Items from a data source:

======

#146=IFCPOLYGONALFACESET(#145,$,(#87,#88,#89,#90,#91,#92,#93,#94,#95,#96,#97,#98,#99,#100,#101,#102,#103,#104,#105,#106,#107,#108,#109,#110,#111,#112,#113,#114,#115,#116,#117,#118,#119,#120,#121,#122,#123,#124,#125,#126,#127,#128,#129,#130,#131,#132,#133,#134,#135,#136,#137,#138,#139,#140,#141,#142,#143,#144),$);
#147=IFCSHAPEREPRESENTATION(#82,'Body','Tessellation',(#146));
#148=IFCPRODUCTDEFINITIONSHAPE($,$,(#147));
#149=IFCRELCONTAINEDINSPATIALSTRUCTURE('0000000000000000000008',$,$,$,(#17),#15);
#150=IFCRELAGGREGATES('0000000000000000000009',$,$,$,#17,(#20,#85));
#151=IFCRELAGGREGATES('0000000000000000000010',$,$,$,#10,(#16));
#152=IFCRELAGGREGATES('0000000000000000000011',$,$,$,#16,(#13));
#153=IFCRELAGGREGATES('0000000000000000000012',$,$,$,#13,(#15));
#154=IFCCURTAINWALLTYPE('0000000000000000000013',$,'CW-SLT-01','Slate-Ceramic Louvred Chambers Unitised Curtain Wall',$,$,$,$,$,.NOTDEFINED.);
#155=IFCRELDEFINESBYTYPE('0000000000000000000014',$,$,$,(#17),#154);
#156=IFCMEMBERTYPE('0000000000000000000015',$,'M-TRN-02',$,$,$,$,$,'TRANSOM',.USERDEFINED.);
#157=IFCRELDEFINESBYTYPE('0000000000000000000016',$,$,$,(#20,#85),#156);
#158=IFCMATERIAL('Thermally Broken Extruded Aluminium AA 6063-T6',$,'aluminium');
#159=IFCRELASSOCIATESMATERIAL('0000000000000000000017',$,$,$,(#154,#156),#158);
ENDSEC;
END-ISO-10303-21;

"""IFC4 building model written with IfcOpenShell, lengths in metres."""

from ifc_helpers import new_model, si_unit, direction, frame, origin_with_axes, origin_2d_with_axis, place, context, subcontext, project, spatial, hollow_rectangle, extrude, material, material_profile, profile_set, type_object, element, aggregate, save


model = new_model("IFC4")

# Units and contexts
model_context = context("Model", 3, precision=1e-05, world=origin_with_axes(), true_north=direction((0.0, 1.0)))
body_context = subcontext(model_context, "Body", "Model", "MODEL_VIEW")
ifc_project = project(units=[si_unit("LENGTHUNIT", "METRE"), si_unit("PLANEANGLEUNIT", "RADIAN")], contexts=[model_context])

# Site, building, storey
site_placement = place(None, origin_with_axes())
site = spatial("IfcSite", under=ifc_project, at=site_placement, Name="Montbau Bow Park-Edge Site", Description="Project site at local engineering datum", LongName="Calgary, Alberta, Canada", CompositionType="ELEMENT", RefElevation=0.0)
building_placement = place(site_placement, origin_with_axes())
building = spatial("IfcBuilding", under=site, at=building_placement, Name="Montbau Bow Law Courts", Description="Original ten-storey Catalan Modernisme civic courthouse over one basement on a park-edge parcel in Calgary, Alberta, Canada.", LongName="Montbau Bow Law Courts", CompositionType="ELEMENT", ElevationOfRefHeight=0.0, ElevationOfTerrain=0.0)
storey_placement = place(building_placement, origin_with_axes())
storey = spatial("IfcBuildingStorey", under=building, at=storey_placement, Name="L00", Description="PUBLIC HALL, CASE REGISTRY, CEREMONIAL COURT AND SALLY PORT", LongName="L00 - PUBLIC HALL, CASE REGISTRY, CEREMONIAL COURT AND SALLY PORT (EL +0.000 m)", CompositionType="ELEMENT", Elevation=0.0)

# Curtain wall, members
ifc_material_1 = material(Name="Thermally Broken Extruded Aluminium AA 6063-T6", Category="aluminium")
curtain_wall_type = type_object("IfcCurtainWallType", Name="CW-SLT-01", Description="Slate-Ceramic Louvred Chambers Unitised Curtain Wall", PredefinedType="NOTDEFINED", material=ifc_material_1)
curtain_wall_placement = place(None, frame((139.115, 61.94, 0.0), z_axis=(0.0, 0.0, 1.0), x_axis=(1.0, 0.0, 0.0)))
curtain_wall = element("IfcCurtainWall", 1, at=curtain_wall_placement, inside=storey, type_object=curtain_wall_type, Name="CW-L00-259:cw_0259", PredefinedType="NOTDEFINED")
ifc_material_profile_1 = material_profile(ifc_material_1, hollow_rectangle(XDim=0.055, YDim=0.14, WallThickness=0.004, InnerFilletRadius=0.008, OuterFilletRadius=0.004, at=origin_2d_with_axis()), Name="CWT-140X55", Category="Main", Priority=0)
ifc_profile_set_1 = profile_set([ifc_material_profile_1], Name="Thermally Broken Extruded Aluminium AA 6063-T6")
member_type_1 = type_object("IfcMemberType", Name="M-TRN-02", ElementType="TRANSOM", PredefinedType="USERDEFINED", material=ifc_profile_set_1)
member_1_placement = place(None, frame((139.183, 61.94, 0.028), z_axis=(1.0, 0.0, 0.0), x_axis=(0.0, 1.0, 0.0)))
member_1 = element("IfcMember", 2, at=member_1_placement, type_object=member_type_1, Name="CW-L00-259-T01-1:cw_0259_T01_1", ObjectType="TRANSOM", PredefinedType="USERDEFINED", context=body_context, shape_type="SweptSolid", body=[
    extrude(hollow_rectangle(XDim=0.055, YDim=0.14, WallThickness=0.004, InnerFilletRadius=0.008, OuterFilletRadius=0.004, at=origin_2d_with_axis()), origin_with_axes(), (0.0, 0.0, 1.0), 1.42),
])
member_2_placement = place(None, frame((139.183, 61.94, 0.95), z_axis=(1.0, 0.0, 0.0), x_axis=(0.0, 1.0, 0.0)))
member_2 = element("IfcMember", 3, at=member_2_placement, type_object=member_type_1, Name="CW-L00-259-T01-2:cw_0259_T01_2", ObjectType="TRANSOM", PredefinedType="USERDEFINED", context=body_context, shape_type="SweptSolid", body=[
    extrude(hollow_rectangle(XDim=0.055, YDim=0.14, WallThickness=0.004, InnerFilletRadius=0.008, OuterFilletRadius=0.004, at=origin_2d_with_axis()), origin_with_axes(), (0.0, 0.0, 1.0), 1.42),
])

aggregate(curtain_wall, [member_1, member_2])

======

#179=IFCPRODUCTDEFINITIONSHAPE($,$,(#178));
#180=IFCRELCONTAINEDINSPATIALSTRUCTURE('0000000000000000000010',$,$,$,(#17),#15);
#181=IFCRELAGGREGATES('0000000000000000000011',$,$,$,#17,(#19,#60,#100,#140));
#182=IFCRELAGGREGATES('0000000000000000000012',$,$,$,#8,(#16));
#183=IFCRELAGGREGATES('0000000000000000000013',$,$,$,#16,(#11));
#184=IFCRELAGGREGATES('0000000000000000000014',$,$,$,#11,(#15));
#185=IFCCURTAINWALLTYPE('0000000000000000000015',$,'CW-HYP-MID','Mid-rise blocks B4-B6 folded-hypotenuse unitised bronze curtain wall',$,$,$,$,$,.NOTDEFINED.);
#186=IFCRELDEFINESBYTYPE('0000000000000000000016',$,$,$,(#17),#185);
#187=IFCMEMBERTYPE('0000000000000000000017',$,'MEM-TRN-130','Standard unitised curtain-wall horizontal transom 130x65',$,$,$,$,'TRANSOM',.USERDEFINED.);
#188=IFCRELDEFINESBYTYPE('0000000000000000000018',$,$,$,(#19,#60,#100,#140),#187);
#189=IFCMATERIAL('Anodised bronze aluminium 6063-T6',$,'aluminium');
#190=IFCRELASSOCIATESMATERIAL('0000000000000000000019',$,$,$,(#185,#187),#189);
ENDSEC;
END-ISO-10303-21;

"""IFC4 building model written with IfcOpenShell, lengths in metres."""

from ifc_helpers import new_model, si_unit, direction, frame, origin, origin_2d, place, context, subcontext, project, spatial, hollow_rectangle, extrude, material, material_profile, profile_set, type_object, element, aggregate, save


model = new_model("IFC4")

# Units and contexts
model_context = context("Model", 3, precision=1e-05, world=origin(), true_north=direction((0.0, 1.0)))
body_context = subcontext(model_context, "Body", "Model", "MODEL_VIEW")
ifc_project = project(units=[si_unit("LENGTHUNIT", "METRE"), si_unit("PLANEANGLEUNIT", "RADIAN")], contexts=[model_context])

======

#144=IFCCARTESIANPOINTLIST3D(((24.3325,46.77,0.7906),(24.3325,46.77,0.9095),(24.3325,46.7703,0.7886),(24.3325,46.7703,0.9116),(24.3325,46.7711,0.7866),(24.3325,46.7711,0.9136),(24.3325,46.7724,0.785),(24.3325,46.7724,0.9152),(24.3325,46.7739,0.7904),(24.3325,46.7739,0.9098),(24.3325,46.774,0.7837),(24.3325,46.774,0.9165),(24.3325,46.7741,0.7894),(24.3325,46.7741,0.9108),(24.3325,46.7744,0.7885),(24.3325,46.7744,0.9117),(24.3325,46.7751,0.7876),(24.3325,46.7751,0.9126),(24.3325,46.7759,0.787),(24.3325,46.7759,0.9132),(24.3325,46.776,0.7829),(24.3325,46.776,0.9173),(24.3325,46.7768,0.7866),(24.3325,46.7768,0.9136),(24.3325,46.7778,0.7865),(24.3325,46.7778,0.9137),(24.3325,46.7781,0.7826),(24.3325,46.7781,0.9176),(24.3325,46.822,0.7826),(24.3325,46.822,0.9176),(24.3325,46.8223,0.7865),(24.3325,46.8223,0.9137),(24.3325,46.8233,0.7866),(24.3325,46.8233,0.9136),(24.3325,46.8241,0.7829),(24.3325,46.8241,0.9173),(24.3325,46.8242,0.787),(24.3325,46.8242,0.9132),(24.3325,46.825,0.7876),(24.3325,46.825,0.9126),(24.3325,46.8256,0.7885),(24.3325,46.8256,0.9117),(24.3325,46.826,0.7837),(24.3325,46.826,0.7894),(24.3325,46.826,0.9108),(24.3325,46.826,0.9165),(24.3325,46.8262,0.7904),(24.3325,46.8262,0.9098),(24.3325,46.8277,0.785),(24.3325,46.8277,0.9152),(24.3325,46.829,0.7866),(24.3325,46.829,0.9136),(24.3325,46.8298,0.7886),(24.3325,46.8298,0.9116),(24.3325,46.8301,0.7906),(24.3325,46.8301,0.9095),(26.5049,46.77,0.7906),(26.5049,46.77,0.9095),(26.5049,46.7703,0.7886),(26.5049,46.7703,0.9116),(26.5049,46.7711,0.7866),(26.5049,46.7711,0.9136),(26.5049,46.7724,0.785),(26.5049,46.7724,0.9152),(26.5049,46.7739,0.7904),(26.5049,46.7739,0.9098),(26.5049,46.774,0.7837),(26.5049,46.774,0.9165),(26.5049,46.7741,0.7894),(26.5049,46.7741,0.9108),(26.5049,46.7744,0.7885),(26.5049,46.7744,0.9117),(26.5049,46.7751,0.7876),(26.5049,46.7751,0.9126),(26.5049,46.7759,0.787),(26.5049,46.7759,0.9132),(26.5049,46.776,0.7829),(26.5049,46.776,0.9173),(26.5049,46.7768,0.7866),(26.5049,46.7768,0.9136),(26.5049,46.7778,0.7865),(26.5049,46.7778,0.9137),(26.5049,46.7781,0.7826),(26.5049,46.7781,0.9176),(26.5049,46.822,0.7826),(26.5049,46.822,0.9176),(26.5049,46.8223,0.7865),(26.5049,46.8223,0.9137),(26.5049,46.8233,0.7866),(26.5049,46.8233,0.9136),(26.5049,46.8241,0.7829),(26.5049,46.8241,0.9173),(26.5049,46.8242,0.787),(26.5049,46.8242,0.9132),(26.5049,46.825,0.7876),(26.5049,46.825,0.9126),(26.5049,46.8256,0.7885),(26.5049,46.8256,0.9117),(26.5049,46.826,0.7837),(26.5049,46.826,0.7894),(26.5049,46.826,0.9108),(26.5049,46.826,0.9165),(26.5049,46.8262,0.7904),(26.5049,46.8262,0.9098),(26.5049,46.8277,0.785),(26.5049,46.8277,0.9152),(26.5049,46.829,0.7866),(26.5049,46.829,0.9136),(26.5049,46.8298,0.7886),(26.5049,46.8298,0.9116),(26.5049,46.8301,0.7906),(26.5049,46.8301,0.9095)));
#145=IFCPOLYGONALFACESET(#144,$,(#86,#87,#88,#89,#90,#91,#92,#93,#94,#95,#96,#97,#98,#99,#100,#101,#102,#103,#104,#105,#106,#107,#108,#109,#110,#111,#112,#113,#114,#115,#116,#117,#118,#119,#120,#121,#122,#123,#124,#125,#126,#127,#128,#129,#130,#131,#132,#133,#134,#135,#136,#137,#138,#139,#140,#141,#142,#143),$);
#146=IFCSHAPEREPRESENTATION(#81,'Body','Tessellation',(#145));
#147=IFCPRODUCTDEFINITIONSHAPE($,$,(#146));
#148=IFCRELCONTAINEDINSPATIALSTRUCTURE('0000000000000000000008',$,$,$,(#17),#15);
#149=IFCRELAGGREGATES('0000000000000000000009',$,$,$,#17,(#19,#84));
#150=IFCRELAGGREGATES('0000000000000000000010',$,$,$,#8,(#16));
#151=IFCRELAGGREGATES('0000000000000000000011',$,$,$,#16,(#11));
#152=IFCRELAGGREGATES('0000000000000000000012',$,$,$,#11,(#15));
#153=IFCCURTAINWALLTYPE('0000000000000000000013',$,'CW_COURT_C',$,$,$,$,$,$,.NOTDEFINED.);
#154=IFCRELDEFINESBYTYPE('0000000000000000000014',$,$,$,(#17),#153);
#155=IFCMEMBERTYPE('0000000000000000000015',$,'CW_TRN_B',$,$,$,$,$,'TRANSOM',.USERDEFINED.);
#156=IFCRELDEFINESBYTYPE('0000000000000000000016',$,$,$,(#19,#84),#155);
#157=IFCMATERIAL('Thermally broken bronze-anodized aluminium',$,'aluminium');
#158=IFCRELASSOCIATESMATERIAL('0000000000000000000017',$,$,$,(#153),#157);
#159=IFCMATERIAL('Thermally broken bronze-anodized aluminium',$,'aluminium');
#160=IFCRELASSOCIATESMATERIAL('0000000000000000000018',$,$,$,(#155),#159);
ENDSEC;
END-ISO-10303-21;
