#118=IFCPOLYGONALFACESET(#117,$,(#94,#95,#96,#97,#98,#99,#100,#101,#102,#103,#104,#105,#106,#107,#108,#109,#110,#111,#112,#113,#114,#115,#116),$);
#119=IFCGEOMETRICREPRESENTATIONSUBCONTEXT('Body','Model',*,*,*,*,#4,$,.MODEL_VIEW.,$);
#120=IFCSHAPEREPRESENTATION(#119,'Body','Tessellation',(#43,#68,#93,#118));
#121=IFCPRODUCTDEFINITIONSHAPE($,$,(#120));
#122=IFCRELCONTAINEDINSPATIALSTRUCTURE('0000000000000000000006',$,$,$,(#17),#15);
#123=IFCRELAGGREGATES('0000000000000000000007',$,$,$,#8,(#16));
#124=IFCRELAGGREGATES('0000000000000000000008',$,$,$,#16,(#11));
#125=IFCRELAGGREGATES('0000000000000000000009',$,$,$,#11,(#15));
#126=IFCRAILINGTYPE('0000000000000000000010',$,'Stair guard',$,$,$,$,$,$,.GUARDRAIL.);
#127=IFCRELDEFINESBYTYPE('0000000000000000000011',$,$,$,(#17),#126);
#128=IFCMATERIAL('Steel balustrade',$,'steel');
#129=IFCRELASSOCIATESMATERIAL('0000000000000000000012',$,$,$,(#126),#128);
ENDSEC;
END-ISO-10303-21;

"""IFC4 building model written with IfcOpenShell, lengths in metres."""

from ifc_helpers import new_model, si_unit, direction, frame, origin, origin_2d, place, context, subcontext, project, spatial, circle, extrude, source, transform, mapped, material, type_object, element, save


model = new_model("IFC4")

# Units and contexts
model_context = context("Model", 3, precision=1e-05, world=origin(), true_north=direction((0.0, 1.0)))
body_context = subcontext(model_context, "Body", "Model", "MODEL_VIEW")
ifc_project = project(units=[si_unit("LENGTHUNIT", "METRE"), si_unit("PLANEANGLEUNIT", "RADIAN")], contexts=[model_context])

======

Problem: The answer must consist of every line in the records above that contains the word "Tessellation".

Result:
#147=IFCSHAPEREPRESENTATION(#82,'Body','Tessellation',(#146));
#146=IFCSHAPEREPRESENTATION(#81,'Body','Tessellation',(#145));
#120=IFCSHAPEREPRESENTATION(#119,'Body','Tessellation',(#43,#68,#93,#118));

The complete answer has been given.